_The task_.
Only the lines below starting at the one that contains "#33=IFCINDEXEDPOLYGONALFACE((1,3,7,5));" and ending at the one that contains "#37=IFCINDEXEDPOLYGONALFACE((5,7,8,6));" are to be reproduced, exactly and with both ends kept.

[Entries taken from a collection]
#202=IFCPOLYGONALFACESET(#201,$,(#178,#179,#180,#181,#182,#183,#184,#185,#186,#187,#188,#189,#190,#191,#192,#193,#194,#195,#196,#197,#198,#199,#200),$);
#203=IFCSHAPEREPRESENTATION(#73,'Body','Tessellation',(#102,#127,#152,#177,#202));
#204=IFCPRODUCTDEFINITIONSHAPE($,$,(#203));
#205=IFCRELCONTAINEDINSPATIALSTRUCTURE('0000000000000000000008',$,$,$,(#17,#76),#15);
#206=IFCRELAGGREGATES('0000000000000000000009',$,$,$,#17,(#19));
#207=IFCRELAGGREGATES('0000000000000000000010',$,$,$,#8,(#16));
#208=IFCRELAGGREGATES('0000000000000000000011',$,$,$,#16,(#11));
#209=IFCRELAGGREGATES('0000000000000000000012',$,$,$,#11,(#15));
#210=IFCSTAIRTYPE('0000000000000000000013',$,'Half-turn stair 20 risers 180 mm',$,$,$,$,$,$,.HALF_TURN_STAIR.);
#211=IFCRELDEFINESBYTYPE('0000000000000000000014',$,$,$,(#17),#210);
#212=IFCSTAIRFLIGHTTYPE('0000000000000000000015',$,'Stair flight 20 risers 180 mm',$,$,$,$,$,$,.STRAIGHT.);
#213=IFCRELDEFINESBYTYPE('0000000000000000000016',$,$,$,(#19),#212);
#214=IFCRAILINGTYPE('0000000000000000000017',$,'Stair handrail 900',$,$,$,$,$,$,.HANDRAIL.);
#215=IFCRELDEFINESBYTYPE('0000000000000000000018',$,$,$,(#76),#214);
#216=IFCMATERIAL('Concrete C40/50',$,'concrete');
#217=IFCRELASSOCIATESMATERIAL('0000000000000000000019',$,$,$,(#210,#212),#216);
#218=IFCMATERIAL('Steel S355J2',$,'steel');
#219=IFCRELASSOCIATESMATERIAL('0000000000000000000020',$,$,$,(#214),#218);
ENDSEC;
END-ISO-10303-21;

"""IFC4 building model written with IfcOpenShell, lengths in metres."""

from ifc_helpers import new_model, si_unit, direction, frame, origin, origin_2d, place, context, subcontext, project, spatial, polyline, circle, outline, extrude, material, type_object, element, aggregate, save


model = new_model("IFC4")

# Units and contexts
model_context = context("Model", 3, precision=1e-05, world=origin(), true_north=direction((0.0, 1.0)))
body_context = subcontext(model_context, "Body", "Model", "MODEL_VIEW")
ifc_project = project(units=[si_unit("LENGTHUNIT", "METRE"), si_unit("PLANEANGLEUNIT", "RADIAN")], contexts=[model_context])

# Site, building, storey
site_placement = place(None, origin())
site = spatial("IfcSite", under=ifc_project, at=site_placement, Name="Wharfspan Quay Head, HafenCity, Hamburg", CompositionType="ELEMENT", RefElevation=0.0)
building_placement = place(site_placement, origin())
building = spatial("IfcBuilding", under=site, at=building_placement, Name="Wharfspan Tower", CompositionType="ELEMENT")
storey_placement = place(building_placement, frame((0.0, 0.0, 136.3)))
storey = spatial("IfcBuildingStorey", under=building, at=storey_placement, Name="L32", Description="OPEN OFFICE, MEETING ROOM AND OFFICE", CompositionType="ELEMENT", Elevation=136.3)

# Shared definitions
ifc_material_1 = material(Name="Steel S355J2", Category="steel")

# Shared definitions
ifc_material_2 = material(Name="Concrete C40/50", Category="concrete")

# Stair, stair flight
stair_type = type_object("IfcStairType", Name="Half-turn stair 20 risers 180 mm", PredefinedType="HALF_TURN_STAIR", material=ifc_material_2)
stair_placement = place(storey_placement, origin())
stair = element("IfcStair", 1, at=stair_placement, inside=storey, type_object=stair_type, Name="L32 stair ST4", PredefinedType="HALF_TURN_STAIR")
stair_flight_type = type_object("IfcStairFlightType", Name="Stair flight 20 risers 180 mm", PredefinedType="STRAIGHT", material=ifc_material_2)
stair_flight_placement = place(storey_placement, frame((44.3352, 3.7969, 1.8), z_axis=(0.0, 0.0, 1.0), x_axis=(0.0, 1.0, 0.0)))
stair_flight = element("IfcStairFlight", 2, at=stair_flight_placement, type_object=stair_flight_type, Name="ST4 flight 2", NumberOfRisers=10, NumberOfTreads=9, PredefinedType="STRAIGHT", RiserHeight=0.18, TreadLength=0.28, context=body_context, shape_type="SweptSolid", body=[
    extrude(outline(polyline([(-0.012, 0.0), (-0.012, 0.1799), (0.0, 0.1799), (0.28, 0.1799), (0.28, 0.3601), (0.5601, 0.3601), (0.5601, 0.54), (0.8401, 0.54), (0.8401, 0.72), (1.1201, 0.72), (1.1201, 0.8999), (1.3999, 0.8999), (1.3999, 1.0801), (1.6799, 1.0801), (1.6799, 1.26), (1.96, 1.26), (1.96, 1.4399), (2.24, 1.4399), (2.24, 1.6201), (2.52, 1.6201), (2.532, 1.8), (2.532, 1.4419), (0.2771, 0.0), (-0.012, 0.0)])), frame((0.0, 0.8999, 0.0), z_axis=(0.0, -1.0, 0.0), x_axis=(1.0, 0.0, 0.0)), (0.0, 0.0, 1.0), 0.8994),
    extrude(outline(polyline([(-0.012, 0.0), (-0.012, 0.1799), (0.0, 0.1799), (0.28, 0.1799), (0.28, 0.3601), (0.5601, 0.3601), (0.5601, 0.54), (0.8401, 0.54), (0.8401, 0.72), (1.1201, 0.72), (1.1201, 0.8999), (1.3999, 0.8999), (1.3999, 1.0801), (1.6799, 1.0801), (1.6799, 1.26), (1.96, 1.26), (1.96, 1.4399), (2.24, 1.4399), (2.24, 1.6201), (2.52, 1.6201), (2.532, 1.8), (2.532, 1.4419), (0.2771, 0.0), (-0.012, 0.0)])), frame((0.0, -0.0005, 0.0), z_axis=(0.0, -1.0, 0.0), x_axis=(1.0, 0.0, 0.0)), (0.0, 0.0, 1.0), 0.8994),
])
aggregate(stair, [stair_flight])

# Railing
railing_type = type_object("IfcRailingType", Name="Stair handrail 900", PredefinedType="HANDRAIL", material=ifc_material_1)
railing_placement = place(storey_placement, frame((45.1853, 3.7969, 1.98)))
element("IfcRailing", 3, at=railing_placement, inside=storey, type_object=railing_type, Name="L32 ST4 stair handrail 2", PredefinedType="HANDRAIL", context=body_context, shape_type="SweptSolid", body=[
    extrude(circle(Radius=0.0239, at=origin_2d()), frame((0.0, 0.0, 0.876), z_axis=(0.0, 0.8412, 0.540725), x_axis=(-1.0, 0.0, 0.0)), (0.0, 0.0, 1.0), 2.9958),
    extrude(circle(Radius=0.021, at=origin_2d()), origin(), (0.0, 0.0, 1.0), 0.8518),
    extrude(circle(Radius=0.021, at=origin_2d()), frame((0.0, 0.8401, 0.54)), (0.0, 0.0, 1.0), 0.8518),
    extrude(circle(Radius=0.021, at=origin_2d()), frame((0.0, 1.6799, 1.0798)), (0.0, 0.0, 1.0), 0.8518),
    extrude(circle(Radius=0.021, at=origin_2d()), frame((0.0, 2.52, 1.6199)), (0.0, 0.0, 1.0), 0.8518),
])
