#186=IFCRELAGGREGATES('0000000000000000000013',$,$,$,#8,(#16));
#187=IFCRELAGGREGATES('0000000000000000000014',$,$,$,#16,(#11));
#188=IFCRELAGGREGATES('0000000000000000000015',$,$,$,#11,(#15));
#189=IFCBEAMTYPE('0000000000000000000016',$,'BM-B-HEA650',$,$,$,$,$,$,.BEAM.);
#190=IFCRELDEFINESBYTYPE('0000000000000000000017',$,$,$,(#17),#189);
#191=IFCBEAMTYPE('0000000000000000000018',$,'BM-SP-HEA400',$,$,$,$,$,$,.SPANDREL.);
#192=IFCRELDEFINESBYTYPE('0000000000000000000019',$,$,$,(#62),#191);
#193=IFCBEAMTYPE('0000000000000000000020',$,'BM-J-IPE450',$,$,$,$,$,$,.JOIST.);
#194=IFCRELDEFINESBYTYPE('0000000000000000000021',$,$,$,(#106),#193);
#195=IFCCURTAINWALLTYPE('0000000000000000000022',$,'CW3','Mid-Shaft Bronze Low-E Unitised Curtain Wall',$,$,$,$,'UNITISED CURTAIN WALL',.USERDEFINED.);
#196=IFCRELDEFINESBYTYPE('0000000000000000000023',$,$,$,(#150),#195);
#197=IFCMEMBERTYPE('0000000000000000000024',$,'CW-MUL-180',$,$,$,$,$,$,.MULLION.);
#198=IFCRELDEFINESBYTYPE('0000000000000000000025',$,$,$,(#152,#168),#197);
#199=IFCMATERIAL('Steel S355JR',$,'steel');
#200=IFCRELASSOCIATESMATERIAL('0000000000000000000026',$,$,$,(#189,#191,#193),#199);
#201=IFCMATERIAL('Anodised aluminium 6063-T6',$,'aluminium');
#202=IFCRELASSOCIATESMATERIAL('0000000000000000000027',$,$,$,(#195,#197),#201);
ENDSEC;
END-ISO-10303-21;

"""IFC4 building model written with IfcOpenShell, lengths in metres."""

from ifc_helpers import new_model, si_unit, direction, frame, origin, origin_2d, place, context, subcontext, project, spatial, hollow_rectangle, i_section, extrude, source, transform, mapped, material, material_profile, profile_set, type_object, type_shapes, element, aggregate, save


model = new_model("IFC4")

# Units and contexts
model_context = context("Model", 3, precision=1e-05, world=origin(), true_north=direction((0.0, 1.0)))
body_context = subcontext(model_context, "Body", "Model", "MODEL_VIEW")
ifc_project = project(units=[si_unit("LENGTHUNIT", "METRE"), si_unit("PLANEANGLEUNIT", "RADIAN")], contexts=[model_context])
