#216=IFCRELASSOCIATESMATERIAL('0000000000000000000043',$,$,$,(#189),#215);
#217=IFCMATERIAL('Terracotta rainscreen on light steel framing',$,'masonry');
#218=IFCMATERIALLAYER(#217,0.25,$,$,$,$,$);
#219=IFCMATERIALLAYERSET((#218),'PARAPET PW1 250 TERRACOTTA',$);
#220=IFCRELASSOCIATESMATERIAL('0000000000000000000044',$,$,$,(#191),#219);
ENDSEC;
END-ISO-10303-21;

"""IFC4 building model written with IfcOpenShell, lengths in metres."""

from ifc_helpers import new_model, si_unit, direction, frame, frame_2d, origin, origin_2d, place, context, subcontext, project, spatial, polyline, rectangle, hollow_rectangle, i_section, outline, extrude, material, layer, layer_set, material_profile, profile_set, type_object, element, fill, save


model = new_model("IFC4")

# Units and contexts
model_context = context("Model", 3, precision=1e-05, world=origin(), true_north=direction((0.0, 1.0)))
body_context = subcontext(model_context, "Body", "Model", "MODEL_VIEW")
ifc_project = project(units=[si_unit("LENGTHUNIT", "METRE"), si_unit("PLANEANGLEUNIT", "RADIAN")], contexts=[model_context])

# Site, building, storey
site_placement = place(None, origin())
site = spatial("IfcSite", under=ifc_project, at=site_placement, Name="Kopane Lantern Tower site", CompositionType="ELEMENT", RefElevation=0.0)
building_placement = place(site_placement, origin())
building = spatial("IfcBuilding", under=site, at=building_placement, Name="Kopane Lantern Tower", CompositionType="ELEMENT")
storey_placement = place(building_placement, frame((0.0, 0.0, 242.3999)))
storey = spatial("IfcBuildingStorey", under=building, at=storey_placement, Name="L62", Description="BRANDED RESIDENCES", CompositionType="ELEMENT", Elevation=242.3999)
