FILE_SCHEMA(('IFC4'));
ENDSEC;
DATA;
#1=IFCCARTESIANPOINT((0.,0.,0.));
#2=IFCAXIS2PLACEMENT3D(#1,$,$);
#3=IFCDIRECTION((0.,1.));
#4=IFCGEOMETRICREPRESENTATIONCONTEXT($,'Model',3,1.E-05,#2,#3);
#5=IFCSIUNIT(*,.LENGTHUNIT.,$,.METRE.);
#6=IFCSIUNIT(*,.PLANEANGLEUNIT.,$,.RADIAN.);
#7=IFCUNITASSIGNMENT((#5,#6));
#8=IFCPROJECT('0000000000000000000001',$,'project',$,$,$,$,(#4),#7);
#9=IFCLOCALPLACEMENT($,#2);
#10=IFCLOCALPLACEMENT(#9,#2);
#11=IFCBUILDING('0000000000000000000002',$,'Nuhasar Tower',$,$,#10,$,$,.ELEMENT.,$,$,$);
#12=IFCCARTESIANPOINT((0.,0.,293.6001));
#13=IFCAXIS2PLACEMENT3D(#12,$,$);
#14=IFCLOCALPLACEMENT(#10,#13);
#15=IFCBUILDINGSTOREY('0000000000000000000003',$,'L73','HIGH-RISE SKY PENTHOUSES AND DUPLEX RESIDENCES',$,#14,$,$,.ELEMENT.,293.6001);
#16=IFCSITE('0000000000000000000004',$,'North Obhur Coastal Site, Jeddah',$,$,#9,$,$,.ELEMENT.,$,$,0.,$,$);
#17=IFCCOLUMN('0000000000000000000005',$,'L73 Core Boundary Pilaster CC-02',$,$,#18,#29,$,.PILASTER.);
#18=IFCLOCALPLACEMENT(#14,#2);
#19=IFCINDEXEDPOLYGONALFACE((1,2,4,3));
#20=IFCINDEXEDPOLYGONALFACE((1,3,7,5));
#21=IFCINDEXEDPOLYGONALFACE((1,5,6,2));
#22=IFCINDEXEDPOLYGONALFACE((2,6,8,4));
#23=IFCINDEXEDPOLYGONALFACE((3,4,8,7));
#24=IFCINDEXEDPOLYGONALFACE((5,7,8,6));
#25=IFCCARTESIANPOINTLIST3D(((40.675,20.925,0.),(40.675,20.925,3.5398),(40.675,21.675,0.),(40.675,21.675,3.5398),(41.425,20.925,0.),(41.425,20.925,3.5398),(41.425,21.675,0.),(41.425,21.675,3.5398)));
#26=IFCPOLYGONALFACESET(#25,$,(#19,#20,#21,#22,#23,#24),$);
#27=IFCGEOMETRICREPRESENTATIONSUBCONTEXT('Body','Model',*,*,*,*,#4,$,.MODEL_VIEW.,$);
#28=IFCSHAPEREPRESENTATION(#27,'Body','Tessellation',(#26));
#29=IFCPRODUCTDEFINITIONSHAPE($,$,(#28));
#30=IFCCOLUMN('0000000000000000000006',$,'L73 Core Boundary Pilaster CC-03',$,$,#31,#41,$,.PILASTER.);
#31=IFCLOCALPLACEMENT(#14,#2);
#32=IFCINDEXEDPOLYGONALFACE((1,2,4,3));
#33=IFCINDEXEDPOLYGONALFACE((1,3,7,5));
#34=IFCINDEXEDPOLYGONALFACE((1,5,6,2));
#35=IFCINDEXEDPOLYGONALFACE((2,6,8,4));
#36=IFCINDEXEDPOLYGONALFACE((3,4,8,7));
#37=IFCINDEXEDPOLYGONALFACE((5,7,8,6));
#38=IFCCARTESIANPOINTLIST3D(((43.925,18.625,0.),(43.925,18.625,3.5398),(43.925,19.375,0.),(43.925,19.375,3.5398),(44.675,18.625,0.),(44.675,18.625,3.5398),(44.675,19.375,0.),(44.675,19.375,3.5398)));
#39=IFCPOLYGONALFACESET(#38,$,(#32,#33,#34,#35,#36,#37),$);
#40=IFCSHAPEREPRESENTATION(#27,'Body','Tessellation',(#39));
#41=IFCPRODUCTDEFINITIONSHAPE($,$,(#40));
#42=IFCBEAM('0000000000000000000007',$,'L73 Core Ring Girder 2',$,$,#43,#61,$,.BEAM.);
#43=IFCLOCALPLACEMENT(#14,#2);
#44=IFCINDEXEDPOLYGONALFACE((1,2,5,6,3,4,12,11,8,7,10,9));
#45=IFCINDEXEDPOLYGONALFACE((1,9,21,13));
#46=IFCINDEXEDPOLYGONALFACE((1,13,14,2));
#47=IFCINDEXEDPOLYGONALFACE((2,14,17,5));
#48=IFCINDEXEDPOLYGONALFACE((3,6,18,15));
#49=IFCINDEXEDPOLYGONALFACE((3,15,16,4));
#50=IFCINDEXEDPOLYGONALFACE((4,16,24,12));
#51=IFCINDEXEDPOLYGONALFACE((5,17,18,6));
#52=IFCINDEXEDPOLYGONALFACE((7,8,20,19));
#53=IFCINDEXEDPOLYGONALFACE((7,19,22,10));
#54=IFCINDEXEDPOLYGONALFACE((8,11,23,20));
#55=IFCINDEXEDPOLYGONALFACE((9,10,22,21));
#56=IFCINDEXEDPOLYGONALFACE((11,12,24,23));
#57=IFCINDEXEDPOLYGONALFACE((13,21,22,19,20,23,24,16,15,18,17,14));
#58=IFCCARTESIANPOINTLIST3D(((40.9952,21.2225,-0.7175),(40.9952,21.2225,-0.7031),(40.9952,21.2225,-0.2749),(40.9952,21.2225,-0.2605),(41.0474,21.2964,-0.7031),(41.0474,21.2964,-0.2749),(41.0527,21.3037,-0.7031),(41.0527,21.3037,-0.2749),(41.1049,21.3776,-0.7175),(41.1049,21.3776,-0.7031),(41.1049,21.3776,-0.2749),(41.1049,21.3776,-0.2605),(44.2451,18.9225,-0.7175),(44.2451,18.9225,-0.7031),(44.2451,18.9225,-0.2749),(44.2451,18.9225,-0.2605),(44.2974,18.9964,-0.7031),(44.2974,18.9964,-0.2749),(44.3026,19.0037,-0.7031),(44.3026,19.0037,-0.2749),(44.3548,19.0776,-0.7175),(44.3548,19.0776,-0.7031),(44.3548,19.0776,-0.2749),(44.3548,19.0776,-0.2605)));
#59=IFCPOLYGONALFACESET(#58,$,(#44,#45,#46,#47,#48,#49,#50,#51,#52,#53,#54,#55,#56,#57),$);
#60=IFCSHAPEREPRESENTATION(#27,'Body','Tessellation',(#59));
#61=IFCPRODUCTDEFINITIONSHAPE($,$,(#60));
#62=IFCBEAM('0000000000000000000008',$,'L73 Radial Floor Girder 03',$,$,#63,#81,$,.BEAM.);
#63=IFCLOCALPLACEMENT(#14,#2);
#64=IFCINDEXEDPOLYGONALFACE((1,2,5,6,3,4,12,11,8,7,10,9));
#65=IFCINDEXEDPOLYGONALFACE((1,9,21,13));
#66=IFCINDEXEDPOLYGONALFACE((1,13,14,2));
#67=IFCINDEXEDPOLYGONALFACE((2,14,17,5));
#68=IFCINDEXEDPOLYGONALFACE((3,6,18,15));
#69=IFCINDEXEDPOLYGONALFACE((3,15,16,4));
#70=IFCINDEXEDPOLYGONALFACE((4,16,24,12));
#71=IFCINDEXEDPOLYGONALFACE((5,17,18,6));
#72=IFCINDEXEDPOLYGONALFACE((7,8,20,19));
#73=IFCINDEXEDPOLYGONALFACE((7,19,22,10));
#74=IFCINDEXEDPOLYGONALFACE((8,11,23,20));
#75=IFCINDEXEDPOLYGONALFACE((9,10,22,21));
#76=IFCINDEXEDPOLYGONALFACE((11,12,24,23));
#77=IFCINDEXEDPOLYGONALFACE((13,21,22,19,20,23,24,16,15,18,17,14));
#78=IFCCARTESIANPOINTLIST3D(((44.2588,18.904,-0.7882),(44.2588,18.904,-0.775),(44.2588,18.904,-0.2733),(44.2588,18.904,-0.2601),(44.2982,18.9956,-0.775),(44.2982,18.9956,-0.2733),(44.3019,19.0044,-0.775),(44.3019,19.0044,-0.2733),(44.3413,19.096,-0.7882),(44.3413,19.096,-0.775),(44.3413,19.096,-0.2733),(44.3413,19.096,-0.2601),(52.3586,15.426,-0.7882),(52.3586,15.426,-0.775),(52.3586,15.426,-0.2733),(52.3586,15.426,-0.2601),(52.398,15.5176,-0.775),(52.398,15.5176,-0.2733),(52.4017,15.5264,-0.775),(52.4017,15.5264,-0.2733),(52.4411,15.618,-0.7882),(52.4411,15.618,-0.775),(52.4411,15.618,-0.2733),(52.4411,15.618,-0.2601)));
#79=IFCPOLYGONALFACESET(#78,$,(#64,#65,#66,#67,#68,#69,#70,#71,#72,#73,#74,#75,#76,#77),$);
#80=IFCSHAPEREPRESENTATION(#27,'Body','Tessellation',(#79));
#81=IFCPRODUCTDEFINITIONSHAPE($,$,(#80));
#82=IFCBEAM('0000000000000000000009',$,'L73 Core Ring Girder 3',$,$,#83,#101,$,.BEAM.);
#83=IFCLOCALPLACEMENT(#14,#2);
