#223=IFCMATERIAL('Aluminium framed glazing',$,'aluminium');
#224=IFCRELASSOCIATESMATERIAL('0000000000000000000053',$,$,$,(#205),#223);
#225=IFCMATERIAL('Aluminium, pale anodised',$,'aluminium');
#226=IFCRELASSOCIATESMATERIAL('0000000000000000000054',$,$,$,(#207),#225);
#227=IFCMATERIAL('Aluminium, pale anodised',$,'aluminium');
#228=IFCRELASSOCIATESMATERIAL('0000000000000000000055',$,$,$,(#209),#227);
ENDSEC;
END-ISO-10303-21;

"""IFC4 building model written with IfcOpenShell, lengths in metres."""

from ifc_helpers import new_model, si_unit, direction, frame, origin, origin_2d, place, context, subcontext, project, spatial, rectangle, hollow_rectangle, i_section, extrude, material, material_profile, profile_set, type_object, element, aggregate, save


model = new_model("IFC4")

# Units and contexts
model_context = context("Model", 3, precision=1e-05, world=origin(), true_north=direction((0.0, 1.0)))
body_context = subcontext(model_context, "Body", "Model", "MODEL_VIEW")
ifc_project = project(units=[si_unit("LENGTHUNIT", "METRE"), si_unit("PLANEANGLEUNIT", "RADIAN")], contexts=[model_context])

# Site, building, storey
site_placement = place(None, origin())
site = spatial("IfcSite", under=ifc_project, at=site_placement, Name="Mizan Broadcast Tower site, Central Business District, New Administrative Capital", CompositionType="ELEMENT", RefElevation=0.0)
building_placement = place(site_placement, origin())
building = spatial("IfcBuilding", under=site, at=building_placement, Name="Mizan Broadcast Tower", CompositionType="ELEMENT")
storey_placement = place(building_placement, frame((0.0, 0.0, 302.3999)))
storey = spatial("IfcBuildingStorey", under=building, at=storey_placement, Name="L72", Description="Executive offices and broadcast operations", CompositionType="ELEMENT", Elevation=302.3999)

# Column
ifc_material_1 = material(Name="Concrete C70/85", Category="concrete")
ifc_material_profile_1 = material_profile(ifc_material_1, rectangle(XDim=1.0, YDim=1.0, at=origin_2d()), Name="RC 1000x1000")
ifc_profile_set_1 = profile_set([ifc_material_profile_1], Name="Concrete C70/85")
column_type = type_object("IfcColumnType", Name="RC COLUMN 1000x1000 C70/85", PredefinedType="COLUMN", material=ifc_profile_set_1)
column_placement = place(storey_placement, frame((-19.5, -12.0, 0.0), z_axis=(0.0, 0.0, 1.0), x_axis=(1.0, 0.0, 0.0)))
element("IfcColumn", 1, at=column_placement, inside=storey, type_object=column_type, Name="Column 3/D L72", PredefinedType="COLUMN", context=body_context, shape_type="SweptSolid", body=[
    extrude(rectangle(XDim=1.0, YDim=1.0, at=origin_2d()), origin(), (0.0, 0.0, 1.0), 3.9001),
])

_Exercise answer_.
#33=IFCINDEXEDPOLYGONALFACE((1,3,7,5));
#34=IFCINDEXEDPOLYGONALFACE((1,5,6,2));
#35=IFCINDEXEDPOLYGONALFACE((2,6,8,4));
#36=IFCINDEXEDPOLYGONALFACE((3,4,8,7));
#37=IFCINDEXEDPOLYGONALFACE((5,7,8,6));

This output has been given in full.